Assignment:
Lines to return, exactly: from the line with "#60=IFCINDEXEDPOLYGONALFACE((5,6,49,47));" to the line with "#75=IFCINDEXEDPOLYGONALFACE((35,36,38,37));" in the entries below, both included.

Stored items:
· · · ·

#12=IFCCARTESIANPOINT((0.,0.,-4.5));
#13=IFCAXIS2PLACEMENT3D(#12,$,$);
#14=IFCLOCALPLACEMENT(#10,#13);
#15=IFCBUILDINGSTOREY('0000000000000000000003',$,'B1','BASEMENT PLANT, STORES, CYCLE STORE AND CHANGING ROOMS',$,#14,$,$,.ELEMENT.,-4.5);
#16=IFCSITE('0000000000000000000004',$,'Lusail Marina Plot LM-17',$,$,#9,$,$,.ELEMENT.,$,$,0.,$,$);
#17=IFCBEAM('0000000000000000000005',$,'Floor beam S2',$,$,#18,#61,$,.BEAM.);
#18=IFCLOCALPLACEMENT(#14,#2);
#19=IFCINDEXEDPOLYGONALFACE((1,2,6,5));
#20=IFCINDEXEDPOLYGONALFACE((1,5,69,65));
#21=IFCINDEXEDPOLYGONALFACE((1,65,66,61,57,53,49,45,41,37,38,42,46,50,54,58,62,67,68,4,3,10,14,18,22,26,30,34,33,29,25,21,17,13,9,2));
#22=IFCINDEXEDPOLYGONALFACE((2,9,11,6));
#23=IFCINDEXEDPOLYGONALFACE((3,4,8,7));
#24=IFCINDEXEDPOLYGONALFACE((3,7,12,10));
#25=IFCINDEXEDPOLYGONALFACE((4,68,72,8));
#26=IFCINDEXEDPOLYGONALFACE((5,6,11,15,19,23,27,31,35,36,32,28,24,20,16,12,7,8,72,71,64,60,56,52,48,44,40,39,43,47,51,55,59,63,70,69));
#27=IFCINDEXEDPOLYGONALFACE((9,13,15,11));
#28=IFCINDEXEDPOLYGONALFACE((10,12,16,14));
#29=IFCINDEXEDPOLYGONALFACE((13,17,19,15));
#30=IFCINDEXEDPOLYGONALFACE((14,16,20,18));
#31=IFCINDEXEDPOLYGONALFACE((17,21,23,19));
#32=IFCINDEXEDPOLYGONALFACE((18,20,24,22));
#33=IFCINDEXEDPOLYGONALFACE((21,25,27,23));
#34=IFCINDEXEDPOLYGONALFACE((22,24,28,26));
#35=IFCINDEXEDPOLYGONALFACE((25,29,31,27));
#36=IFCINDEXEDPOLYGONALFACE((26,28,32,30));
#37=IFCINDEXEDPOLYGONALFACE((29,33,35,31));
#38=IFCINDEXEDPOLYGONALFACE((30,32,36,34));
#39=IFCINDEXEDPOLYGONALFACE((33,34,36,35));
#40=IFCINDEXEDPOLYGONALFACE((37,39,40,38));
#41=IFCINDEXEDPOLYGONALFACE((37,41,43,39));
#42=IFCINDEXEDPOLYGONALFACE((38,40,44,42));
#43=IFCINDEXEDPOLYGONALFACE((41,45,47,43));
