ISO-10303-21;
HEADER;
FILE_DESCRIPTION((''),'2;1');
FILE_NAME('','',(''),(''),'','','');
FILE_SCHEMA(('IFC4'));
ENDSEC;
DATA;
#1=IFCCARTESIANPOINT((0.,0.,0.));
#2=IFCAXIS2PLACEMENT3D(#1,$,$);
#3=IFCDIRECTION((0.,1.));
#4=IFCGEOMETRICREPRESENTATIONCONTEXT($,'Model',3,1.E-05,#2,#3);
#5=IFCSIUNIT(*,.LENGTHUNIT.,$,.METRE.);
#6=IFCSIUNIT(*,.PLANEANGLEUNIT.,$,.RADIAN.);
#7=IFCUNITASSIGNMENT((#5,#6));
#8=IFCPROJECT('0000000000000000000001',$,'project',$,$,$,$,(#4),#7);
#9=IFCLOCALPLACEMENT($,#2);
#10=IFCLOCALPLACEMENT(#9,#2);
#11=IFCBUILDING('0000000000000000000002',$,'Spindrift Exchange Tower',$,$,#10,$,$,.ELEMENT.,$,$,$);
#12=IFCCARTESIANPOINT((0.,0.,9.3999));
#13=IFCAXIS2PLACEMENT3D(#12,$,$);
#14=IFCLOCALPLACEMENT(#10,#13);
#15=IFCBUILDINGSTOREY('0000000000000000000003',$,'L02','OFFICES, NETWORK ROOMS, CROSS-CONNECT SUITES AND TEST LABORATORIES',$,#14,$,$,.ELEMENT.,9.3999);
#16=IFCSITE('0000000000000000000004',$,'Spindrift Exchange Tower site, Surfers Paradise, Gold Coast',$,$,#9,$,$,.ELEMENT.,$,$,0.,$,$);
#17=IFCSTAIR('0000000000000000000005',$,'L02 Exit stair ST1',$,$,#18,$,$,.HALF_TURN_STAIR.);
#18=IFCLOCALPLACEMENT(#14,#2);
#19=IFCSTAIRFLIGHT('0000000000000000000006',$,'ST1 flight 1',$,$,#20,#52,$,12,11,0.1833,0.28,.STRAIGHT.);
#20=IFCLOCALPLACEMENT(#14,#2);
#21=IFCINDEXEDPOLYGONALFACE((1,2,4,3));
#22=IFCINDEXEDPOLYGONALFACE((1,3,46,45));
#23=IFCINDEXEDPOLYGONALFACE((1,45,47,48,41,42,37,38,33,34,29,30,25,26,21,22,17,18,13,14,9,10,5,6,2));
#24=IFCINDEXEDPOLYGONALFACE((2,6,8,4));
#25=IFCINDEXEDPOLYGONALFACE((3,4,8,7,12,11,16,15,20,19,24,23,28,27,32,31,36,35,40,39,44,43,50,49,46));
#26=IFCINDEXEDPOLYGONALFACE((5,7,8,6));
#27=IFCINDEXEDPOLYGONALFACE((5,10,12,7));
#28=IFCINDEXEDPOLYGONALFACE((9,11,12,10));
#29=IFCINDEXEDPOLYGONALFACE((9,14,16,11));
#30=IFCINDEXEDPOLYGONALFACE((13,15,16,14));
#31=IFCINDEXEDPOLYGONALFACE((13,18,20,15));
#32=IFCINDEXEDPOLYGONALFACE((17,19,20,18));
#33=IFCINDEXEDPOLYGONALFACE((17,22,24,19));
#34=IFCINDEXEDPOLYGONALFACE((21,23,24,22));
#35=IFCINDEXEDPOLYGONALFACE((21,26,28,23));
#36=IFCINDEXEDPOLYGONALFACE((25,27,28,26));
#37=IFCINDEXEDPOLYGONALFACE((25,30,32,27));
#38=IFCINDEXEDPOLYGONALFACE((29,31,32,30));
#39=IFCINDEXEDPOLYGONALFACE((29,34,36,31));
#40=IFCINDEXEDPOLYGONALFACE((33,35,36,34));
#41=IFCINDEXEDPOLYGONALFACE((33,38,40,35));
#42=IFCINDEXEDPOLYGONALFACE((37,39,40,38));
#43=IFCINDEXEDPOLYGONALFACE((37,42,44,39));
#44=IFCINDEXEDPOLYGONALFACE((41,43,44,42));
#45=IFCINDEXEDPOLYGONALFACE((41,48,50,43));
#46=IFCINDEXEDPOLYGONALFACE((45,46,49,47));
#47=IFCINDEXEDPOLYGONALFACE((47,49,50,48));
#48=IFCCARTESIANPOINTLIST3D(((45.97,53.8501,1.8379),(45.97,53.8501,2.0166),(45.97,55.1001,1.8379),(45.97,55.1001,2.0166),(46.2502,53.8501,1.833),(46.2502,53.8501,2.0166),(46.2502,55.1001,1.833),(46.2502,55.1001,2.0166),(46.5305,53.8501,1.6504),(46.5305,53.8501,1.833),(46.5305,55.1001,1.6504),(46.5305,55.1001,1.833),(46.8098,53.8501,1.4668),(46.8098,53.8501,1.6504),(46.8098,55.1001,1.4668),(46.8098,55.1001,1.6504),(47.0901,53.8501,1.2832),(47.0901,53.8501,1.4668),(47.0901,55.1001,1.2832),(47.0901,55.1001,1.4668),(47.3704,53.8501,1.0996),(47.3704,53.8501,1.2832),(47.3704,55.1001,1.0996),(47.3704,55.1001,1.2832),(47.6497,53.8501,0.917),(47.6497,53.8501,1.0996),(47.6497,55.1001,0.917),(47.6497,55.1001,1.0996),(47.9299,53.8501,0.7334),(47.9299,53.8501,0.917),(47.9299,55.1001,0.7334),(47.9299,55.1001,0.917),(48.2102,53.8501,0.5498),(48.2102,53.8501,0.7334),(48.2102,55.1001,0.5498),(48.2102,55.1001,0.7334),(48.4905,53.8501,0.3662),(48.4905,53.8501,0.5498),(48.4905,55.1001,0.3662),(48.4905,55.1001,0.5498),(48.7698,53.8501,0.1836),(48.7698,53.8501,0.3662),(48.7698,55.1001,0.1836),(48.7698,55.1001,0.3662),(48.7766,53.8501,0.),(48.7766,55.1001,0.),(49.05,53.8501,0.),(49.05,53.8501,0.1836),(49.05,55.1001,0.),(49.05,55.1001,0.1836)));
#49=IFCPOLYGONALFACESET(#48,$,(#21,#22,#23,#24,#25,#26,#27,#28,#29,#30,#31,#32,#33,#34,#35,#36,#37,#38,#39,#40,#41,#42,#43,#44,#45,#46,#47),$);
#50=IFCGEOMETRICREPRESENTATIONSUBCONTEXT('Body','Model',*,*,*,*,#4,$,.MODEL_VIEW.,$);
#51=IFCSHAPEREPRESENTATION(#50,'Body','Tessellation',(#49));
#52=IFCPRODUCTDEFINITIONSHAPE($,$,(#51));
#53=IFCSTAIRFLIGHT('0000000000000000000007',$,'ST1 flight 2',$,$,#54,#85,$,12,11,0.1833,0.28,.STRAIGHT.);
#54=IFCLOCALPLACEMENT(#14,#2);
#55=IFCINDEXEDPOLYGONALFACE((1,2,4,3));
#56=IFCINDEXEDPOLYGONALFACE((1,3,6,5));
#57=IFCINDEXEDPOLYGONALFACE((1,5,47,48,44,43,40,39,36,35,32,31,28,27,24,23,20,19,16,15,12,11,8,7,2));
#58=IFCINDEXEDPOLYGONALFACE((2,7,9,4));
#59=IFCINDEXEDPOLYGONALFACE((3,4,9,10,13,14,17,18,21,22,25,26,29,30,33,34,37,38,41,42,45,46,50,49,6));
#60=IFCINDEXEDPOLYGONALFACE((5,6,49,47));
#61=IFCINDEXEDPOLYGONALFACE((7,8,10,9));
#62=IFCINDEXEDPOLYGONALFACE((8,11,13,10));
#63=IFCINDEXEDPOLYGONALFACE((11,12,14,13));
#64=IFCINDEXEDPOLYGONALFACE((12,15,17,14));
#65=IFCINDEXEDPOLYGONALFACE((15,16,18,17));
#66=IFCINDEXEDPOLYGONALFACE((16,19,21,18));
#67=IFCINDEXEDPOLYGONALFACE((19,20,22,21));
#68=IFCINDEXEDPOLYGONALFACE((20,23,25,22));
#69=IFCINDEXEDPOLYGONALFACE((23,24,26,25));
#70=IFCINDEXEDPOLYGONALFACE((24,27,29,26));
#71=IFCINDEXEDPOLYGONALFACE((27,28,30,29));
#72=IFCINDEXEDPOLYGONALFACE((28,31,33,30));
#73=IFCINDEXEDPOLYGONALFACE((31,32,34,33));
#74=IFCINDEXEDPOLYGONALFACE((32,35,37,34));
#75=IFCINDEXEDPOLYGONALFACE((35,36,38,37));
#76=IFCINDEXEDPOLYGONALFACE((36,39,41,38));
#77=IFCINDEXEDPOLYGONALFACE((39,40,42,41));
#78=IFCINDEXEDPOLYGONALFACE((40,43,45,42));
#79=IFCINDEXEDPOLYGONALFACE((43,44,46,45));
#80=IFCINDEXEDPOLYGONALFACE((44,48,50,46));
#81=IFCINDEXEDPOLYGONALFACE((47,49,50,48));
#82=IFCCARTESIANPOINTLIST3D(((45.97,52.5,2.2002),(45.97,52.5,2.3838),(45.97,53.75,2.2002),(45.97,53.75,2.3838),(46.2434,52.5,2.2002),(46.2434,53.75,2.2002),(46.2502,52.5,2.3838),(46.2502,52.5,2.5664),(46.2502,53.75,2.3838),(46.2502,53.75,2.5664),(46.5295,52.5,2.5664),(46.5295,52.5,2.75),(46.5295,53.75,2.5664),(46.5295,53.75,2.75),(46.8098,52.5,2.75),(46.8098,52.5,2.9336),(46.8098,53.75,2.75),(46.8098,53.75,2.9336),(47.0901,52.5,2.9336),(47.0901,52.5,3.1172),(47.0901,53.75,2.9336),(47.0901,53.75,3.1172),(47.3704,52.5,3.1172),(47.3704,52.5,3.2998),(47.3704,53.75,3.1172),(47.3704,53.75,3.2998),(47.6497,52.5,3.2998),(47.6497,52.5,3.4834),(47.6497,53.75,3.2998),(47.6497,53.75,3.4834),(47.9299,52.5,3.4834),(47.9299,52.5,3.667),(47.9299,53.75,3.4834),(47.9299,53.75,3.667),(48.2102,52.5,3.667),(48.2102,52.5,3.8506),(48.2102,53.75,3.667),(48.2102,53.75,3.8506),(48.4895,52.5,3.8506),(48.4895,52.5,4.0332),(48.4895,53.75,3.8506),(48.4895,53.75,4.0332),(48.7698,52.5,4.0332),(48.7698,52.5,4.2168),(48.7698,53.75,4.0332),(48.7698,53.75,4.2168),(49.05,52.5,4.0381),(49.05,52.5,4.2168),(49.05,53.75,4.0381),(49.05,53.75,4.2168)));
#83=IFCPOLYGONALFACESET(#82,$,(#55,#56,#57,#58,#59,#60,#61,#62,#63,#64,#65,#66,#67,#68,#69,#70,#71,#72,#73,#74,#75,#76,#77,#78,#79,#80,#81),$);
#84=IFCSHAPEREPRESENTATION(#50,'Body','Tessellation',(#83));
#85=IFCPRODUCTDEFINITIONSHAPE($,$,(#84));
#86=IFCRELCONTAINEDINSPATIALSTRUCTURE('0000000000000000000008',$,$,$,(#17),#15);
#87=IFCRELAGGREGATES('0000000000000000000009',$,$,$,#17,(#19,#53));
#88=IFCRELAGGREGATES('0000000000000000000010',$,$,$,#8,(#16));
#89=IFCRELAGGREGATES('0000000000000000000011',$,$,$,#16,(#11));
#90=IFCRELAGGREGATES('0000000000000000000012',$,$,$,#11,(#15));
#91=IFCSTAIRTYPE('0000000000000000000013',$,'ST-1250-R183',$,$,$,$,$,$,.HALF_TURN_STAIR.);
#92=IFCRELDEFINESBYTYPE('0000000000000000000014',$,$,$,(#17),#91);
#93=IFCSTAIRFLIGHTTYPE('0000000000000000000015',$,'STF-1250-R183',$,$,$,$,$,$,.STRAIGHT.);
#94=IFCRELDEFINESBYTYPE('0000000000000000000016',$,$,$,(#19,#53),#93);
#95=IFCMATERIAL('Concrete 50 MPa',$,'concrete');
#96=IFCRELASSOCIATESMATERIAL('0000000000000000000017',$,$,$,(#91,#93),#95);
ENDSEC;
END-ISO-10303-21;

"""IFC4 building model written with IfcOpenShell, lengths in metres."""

from ifc_helpers import new_model, si_unit, direction, frame, origin, place, context, subcontext, project, spatial, line, indexed_curve, outline, extrude, material, type_object, element, aggregate, save


model = new_model("IFC4")

# Units and contexts
model_context = context("Model", 3, precision=1e-05, world=origin(), true_north=direction((0.0, 1.0)))
body_context = subcontext(model_context, "Body", "Model", "MODEL_VIEW")
ifc_project = project(units=[si_unit("LENGTHUNIT", "METRE"), si_unit("PLANEANGLEUNIT", "RADIAN")], contexts=[model_context])

# Site, building, storey
site_placement = place(None, origin())
site = spatial("IfcSite", under=ifc_project, at=site_placement, Name="Spindrift Exchange Tower site, Surfers Paradise, Gold Coast", CompositionType="ELEMENT", RefElevation=0.0)
building_placement = place(site_placement, origin())
building = spatial("IfcBuilding", under=site, at=building_placement, Name="Spindrift Exchange Tower", CompositionType="ELEMENT")
storey_placement = place(building_placement, frame((0.0, 0.0, 9.3999)))
storey = spatial("IfcBuildingStorey", under=building, at=storey_placement, Name="L02", Description="OFFICES, NETWORK ROOMS, CROSS-CONNECT SUITES AND TEST LABORATORIES", CompositionType="ELEMENT", Elevation=9.3999)

# Stair, stair flights
ifc_material_1 = material(Name="Concrete 50 MPa", Category="concrete")
stair_type = type_object("IfcStairType", Name="ST-1250-R183", PredefinedType="HALF_TURN_STAIR", material=ifc_material_1)
stair_placement = place(storey_placement, origin())
stair = element("IfcStair", 1, at=stair_placement, inside=storey, type_object=stair_type, Name="L02 Exit stair ST1", PredefinedType="HALF_TURN_STAIR")
stair_flight_type = type_object("IfcStairFlightType", Name="STF-1250-R183", PredefinedType="STRAIGHT", material=ifc_material_1)
stair_flight_1_placement = place(storey_placement, frame((49.05, 54.4751, 0.0), z_axis=(0.0, 0.0, 1.0), x_axis=(-1.0, 0.0, 0.0)))
stair_flight_1 = element("IfcStairFlight", 2, at=stair_flight_1_placement, type_object=stair_flight_type, Name="ST1 flight 1", NumberOfRisers=12, NumberOfTreads=11, PredefinedType="STRAIGHT", RiserHeight=0.1833, TreadLength=0.28, context=body_context, shape_type="SweptSolid", body=[
    extrude(outline(indexed_curve([(0.0, 0.0), (0.0, 0.1836), (0.2803, 0.1836), (0.2803, 0.3662), (0.5596, 0.3662), (0.5596, 0.5498), (0.8398, 0.5498), (0.8398, 0.7334), (1.1201, 0.7334), (1.1201, 0.917), (1.4004, 0.917), (1.4004, 1.0996), (1.6797, 1.0996), (1.6797, 1.2832), (1.96, 1.2832), (1.96, 1.4668), (2.2402, 1.4668), (2.2402, 1.6504), (2.5195, 1.6504), (2.5195, 1.833), (2.7998, 1.833), (2.7998, 2.0166), (3.0801, 2.0166), (3.0801, 2.2002), (3.0801, 1.8379), (0.2734, 0.0)], segments=[line(1, 2, 3, 4, 5, 6, 7, 8, 9, 10, 11, 12, 13, 14, 15, 16, 17, 18, 19, 20, 21, 22, 23, 24, 25, 26, 1)], self_intersect=False)), frame((0.0, 0.625, 0.0), z_axis=(0.0, -1.0, 0.0), x_axis=(1.0, 0.0, 0.0)), (0.0, 0.0, 1.0), 1.25),
])
stair_flight_2_placement = place(storey_placement, frame((45.97, 53.125, 2.2002), z_axis=(0.0, 0.0, 1.0), x_axis=(1.0, 0.0, 0.0)))
stair_flight_2 = element("IfcStairFlight", 3, at=stair_flight_2_placement, type_object=stair_flight_type, Name="ST1 flight 2", NumberOfRisers=12, NumberOfTreads=11, PredefinedType="STRAIGHT", RiserHeight=0.1833, TreadLength=0.28, context=body_context, shape_type="SweptSolid", body=[
    extrude(outline(indexed_curve([(0.0, 0.0), (0.0, 0.1836), (0.2803, 0.1836), (0.2803, 0.3662), (0.5596, 0.3662), (0.5596, 0.5498), (0.8398, 0.5498), (0.8398, 0.7334), (1.1201, 0.7334), (1.1201, 0.917), (1.4004, 0.917), (1.4004, 1.0996), (1.6797, 1.0996), (1.6797, 1.2832), (1.96, 1.2832), (1.96, 1.4668), (2.2402, 1.4668), (2.2402, 1.6504), (2.5195, 1.6504), (2.5195, 1.833), (2.7998, 1.833), (2.7998, 2.0166), (3.0801, 2.0166), (3.0801, 2.2002), (3.0801, 1.8379), (0.2734, 0.0)], segments=[line(1, 2, 3, 4, 5, 6, 7, 8, 9, 10, 11, 12, 13, 14, 15, 16, 17, 18, 19, 20, 21, 22, 23, 24, 25, 26, 1)], self_intersect=False)), frame((0.0, 0.625, 0.0), z_axis=(0.0, -1.0, 0.0), x_axis=(1.0, 0.0, 0.0)), (0.0, 0.0, 1.0), 1.25),
])
aggregate(stair, [stair_flight_1, stair_flight_2])

save(model, "model.ifc")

· · · ·

Answer section:
#60=IFCINDEXEDPOLYGONALFACE((5,6,49,47));
#61=IFCINDEXEDPOLYGONALFACE((7,8,10,9));
#62=IFCINDEXEDPOLYGONALFACE((8,11,13,10));
#63=IFCINDEXEDPOLYGONALFACE((11,12,14,13));
#64=IFCINDEXEDPOLYGONALFACE((12,15,17,14));
#65=IFCINDEXEDPOLYGONALFACE((15,16,18,17));
#66=IFCINDEXEDPOLYGONALFACE((16,19,21,18));
#67=IFCINDEXEDPOLYGONALFACE((19,20,22,21));
#68=IFCINDEXEDPOLYGONALFACE((20,23,25,22));
#69=IFCINDEXEDPOLYGONALFACE((23,24,26,25));
#70=IFCINDEXEDPOLYGONALFACE((24,27,29,26));
#71=IFCINDEXEDPOLYGONALFACE((27,28,30,29));
#72=IFCINDEXEDPOLYGONALFACE((28,31,33,30));
#73=IFCINDEXEDPOLYGONALFACE((31,32,34,33));
#74=IFCINDEXEDPOLYGONALFACE((32,35,37,34));
#75=IFCINDEXEDPOLYGONALFACE((35,36,38,37));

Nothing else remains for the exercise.